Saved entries
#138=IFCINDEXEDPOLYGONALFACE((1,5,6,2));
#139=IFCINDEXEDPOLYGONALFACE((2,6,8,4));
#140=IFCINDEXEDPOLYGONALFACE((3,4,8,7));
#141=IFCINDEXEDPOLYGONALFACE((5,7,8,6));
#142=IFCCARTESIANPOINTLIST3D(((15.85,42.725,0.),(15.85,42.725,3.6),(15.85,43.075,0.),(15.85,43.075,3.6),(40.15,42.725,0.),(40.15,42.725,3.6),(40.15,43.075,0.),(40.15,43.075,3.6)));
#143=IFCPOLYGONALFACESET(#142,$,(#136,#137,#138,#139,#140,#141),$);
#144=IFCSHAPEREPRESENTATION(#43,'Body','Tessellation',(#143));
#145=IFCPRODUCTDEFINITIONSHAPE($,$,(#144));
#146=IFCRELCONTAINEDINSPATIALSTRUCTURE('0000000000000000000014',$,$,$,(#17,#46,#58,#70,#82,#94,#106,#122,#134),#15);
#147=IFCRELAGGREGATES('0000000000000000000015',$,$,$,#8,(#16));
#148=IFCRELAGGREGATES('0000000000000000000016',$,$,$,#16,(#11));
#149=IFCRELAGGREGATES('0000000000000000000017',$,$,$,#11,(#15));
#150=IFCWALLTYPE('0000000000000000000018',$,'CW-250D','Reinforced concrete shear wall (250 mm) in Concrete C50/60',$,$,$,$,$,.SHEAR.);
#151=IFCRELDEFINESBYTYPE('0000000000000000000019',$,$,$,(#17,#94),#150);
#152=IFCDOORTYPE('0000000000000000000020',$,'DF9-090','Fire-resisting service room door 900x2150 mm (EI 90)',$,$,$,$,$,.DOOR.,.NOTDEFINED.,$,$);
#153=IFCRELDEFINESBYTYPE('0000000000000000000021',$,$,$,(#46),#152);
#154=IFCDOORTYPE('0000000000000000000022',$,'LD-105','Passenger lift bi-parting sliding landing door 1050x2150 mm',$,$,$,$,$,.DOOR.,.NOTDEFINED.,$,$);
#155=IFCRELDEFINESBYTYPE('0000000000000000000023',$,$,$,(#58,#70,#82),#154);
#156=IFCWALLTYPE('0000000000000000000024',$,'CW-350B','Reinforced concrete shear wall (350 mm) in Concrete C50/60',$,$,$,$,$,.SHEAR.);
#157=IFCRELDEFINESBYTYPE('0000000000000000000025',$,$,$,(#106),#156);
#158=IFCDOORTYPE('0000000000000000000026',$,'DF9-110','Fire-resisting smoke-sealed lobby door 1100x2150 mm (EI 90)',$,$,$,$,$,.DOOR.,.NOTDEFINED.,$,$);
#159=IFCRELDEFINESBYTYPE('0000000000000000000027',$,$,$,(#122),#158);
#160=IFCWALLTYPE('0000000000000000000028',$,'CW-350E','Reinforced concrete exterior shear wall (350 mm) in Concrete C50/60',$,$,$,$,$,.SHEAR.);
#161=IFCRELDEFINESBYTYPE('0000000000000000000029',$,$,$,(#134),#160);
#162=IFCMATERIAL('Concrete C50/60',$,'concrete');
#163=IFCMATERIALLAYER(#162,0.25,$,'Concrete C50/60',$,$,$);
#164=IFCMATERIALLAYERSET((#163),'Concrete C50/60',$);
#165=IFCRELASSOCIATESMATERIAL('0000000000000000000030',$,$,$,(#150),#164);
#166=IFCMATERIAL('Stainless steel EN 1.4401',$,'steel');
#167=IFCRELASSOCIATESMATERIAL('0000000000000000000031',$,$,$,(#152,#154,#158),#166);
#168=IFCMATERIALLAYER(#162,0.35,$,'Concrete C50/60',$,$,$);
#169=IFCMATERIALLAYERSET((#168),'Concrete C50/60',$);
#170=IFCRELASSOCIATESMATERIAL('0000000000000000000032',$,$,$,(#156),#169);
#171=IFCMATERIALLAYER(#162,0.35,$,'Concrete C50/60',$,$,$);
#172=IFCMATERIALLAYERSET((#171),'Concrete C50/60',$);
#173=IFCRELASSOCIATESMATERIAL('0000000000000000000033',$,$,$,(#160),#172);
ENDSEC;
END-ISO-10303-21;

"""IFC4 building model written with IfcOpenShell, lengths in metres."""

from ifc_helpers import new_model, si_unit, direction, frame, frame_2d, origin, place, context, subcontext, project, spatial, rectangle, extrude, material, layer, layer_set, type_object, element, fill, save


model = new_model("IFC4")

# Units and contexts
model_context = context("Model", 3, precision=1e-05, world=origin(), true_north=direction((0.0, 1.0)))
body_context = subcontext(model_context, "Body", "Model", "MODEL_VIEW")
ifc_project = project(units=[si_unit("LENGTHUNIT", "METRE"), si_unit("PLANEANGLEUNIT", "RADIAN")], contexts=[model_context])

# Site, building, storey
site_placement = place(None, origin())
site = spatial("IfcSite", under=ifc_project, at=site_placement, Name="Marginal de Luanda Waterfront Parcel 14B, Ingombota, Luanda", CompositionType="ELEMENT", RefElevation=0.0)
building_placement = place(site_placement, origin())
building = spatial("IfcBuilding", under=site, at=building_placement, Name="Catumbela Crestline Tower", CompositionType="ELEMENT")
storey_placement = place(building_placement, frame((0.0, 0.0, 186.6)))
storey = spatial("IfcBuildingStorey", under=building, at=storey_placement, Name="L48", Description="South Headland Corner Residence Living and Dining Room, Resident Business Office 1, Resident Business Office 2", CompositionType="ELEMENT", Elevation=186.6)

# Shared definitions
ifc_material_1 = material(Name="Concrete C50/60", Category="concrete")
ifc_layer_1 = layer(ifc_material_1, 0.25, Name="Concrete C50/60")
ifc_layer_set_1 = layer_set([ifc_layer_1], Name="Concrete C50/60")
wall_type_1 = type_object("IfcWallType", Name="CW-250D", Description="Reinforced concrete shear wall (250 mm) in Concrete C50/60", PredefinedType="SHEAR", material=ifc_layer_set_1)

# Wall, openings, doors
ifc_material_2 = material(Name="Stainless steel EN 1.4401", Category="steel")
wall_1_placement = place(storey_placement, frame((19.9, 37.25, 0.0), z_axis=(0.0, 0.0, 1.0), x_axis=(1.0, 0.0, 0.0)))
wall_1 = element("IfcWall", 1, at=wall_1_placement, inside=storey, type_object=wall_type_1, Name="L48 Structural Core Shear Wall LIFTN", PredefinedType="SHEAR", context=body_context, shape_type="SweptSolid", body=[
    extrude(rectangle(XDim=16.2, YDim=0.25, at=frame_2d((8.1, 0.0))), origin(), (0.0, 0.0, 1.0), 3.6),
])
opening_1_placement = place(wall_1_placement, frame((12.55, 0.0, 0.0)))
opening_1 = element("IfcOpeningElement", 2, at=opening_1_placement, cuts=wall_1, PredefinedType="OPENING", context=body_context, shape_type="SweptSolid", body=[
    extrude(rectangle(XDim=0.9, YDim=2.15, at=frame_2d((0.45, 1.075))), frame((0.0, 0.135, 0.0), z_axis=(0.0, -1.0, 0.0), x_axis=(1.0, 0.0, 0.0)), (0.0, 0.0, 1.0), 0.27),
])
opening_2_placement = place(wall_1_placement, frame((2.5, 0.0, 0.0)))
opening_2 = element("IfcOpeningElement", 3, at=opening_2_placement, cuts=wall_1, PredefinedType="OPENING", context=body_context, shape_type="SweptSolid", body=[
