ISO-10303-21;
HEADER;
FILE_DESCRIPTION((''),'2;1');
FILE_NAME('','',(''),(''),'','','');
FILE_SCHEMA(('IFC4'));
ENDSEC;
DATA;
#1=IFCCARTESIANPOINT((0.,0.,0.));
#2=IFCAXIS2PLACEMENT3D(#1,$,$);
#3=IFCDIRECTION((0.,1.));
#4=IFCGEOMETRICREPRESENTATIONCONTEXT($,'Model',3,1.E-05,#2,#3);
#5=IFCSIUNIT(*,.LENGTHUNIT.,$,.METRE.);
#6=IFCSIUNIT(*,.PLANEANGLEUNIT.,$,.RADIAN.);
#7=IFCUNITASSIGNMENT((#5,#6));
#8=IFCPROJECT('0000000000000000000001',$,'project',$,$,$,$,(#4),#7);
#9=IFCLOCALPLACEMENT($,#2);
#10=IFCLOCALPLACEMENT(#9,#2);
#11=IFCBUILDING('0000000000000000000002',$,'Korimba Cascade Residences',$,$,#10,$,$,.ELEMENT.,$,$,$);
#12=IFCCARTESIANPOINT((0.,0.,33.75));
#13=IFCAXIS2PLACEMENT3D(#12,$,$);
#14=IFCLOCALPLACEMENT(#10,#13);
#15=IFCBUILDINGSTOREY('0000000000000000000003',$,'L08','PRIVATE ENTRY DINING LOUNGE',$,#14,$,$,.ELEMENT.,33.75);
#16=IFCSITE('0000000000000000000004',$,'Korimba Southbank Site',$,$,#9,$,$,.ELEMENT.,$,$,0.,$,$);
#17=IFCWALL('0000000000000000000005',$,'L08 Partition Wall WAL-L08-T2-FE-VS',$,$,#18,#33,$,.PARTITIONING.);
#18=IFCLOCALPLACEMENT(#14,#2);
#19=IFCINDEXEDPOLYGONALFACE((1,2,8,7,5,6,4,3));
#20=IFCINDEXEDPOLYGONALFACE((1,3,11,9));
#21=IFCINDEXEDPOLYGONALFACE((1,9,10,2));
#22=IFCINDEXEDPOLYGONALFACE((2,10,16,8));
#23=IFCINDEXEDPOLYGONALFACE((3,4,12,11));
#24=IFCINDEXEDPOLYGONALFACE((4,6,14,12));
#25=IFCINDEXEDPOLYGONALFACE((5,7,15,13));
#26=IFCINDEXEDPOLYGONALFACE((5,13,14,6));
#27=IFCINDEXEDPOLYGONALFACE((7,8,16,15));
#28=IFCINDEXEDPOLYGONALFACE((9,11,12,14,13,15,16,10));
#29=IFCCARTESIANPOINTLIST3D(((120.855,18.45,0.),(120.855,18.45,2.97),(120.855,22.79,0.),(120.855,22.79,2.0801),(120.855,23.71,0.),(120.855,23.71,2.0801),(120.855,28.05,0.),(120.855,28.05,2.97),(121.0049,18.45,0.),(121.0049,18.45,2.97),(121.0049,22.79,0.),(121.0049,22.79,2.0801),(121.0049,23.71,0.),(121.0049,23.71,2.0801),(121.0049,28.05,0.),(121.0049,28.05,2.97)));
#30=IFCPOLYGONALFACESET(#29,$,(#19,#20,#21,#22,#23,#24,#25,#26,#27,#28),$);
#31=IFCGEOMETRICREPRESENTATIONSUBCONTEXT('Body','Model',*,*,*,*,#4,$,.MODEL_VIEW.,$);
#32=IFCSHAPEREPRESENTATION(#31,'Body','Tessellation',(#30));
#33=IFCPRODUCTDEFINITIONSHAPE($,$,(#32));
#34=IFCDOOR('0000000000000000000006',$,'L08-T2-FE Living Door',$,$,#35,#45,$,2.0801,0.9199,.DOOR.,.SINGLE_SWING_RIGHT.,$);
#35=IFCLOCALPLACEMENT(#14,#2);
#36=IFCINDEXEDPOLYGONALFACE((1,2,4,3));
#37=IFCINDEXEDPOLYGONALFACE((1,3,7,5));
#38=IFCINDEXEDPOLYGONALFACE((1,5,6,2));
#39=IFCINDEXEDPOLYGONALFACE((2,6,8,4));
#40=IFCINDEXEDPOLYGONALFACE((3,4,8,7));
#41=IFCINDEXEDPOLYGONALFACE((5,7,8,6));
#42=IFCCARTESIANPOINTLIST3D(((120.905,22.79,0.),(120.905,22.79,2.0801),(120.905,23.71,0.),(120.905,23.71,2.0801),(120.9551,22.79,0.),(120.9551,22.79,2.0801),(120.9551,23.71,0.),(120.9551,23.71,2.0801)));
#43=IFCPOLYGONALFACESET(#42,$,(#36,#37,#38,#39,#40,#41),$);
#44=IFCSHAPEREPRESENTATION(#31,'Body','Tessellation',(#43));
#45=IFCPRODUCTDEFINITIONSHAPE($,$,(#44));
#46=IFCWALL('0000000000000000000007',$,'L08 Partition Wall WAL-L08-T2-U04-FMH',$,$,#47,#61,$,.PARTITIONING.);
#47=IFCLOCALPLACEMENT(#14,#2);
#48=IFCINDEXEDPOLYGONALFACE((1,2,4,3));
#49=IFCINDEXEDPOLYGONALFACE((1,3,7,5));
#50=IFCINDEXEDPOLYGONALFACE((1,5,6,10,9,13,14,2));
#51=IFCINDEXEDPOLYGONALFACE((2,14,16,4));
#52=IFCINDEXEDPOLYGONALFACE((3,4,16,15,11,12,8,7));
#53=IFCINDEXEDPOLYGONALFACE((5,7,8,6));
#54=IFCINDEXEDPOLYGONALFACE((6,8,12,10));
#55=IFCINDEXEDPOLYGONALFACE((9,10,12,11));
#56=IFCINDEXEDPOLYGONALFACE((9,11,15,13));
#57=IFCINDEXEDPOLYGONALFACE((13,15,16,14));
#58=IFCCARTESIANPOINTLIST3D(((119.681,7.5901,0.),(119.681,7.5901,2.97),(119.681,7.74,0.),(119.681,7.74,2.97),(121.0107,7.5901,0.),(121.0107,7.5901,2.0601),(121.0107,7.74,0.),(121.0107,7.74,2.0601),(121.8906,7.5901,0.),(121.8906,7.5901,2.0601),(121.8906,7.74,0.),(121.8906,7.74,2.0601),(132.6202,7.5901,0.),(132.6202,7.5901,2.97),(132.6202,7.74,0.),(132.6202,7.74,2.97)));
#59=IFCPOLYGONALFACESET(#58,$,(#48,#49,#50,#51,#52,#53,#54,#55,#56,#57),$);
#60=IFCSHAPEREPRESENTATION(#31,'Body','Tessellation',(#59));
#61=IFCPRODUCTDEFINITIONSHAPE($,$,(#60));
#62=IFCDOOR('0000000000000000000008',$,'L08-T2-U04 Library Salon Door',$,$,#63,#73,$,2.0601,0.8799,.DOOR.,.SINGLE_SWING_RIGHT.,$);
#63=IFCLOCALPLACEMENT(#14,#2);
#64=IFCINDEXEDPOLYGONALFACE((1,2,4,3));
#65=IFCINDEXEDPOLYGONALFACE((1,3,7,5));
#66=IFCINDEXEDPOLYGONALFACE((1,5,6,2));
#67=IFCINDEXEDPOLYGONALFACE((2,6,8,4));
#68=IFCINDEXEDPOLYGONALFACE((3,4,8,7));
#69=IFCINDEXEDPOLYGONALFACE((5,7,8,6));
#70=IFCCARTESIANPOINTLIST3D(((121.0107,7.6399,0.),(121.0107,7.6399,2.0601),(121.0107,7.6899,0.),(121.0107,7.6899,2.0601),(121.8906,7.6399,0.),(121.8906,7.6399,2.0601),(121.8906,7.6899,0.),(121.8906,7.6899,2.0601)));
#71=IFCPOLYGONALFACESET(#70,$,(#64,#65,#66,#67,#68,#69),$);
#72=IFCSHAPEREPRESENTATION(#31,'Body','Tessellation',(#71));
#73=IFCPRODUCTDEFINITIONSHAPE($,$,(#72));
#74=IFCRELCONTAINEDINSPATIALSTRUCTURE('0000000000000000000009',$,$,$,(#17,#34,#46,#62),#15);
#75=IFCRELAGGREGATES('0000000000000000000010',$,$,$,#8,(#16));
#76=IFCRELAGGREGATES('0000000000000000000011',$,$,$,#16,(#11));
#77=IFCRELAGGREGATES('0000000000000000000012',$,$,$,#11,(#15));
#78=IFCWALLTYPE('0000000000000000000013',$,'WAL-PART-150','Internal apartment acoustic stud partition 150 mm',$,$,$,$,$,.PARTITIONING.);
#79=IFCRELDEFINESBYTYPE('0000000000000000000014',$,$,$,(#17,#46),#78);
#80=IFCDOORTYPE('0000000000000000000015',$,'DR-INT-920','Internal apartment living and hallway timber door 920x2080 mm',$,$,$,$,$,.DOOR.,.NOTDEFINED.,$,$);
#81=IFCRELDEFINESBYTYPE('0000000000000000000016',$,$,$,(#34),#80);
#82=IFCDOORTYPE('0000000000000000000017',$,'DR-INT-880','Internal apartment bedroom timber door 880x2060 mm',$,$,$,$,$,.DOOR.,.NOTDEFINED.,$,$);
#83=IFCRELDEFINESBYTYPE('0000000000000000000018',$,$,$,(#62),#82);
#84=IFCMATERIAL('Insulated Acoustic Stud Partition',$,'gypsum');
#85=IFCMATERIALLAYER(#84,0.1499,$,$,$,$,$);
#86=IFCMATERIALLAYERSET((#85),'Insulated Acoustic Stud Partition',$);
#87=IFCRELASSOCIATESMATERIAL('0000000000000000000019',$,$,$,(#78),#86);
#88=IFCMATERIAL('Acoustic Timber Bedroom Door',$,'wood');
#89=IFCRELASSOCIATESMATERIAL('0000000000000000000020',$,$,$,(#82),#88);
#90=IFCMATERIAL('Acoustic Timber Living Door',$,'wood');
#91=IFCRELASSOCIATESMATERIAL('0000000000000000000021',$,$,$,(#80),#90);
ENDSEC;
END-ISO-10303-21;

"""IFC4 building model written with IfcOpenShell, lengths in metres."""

from ifc_helpers import new_model, si_unit, direction, frame, frame_2d, origin, place, context, subcontext, project, spatial, rectangle, extrude, material, layer, layer_set, type_object, element, fill, save


model = new_model("IFC4")

# Units and contexts
model_context = context("Model", 3, precision=1e-05, world=origin(), true_north=direction((0.0, 1.0)))
body_context = subcontext(model_context, "Body", "Model", "MODEL_VIEW")
ifc_project = project(units=[si_unit("LENGTHUNIT", "METRE"), si_unit("PLANEANGLEUNIT", "RADIAN")], contexts=[model_context])

# Site, building, storey
site_placement = place(None, origin())
site = spatial("IfcSite", under=ifc_project, at=site_placement, Name="Korimba Southbank Site", CompositionType="ELEMENT", RefElevation=0.0)
building_placement = place(site_placement, origin())
building = spatial("IfcBuilding", under=site, at=building_placement, Name="Korimba Cascade Residences", CompositionType="ELEMENT")
storey_placement = place(building_placement, frame((0.0, 0.0, 33.75)))
storey = spatial("IfcBuildingStorey", under=building, at=storey_placement, Name="L08", Description="PRIVATE ENTRY DINING LOUNGE", CompositionType="ELEMENT", Elevation=33.75)

# Walls, openings, doors
ifc_material_1 = material(Name="Insulated Acoustic Stud Partition", Category="gypsum")
ifc_layer_1 = layer(ifc_material_1, 0.1499)
ifc_layer_set_1 = layer_set([ifc_layer_1], Name="Insulated Acoustic Stud Partition")
wall_type_1 = type_object("IfcWallType", Name="WAL-PART-150", Description="Internal apartment acoustic stud partition 150 mm", PredefinedType="PARTITIONING", material=ifc_layer_set_1)
ifc_material_2 = material(Name="Acoustic Timber Bedroom Door", Category="wood")
door_type_1 = type_object("IfcDoorType", Name="DR-INT-880", Description="Internal apartment bedroom timber door 880x2060 mm", OperationType="NOTDEFINED", PredefinedType="DOOR", material=ifc_material_2)
wall_1_placement = place(storey_placement, frame((120.9299, 18.45, 0.0), z_axis=(0.0, 0.0, 1.0), x_axis=(0.0, 1.0, 0.0)))
wall_1 = element("IfcWall", 1, at=wall_1_placement, inside=storey, type_object=wall_type_1, Name="L08 Partition Wall WAL-L08-T2-FE-VS", PredefinedType="PARTITIONING", context=body_context, shape_type="SweptSolid", body=[
    extrude(rectangle(XDim=9.6001, YDim=0.1499, at=frame_2d((4.8, 0.0))), origin(), (0.0, 0.0, 1.0), 2.97),
])
opening_1_placement = place(wall_1_placement, frame((4.3401, 0.0, 0.0)))
opening_1 = element("IfcOpeningElement", 2, at=opening_1_placement, cuts=wall_1, PredefinedType="OPENING", context=body_context, shape_type="SweptSolid", body=[
    extrude(rectangle(XDim=0.9199, YDim=2.0801, at=frame_2d((0.46, 1.04))), frame((0.0, 0.085, 0.0), z_axis=(0.0, -1.0, 0.0), x_axis=(1.0, 0.0, 0.0)), (0.0, 0.0, 1.0), 0.1699),
])
ifc_material_3 = material(Name="Acoustic Timber Living Door", Category="wood")
door_type_2 = type_object("IfcDoorType", Name="DR-INT-920", Description="Internal apartment living and hallway timber door 920x2080 mm", OperationType="NOTDEFINED", PredefinedType="DOOR", material=ifc_material_3)
door_1_placement = place(opening_1_placement, origin())
door_1 = element("IfcDoor", 3, at=door_1_placement, inside=storey, type_object=door_type_2, Name="L08-T2-FE Living Door", OperationType="SINGLE_SWING_RIGHT", OverallHeight=2.0801, OverallWidth=0.9199, PredefinedType="DOOR", context=body_context, shape_type="SweptSolid", body=[
    extrude(rectangle(XDim=0.9199, YDim=2.0801, at=frame_2d((0.46, 1.04))), frame((0.0, 0.0249, 0.0), z_axis=(0.0, -1.0, 0.0), x_axis=(1.0, 0.0, 0.0)), (0.0, 0.0, 1.0), 0.05),
])
fill(opening_1, door_1)
wall_2_placement = place(storey_placement, frame((119.6809, 7.665, 0.0), z_axis=(0.0, 0.0, 1.0), x_axis=(1.0, 0.0, 0.0)))
wall_2 = element("IfcWall", 4, at=wall_2_placement, inside=storey, type_object=wall_type_1, Name="L08 Partition Wall WAL-L08-T2-U04-FMH", PredefinedType="PARTITIONING", context=body_context, shape_type="SweptSolid", body=[
    extrude(rectangle(XDim=12.9392, YDim=0.1499, at=frame_2d((6.4697, 0.0))), origin(), (0.0, 0.0, 1.0), 2.97),
])
opening_2_placement = place(wall_2_placement, frame((1.3298, 0.0, 0.0)))
opening_2 = element("IfcOpeningElement", 5, at=opening_2_placement, cuts=wall_2, PredefinedType="OPENING", context=body_context, shape_type="SweptSolid", body=[
    extrude(rectangle(XDim=0.8799, YDim=2.0601, at=frame_2d((0.4399, 1.03))), frame((0.0, 0.085, 0.0), z_axis=(0.0, -1.0, 0.0), x_axis=(1.0, 0.0, 0.0)), (0.0, 0.0, 1.0), 0.1699),
])
door_2_placement = place(opening_2_placement, origin())
door_2 = element("IfcDoor", 6, at=door_2_placement, inside=storey, type_object=door_type_1, Name="L08-T2-U04 Library Salon Door", OperationType="SINGLE_SWING_RIGHT", OverallHeight=2.0601, OverallWidth=0.8799, PredefinedType="DOOR", context=body_context, shape_type="SweptSolid", body=[
    extrude(rectangle(XDim=0.8799, YDim=2.0601, at=frame_2d((0.4399, 1.03))), frame((0.0, 0.0249, 0.0), z_axis=(0.0, -1.0, 0.0), x_axis=(1.0, 0.0, 0.0)), (0.0, 0.0, 1.0), 0.05),
])
fill(opening_2, door_2)

save(model, "model.ifc")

* Problem details
Which lines of the data include "IFCPOLYGONALFACESET"? Copy each of them.

* Result of the exercise
#143=IFCPOLYGONALFACESET(#142,$,(#136,#137,#138,#139,#140,#141),$);
#30=IFCPOLYGONALFACESET(#29,$,(#19,#20,#21,#22,#23,#24,#25,#26,#27,#28),$);
#43=IFCPOLYGONALFACESET(#42,$,(#36,#37,#38,#39,#40,#41),$);
#59=IFCPOLYGONALFACESET(#58,$,(#48,#49,#50,#51,#52,#53,#54,#55,#56,#57),$);
#71=IFCPOLYGONALFACESET(#70,$,(#64,#65,#66,#67,#68,#69),$);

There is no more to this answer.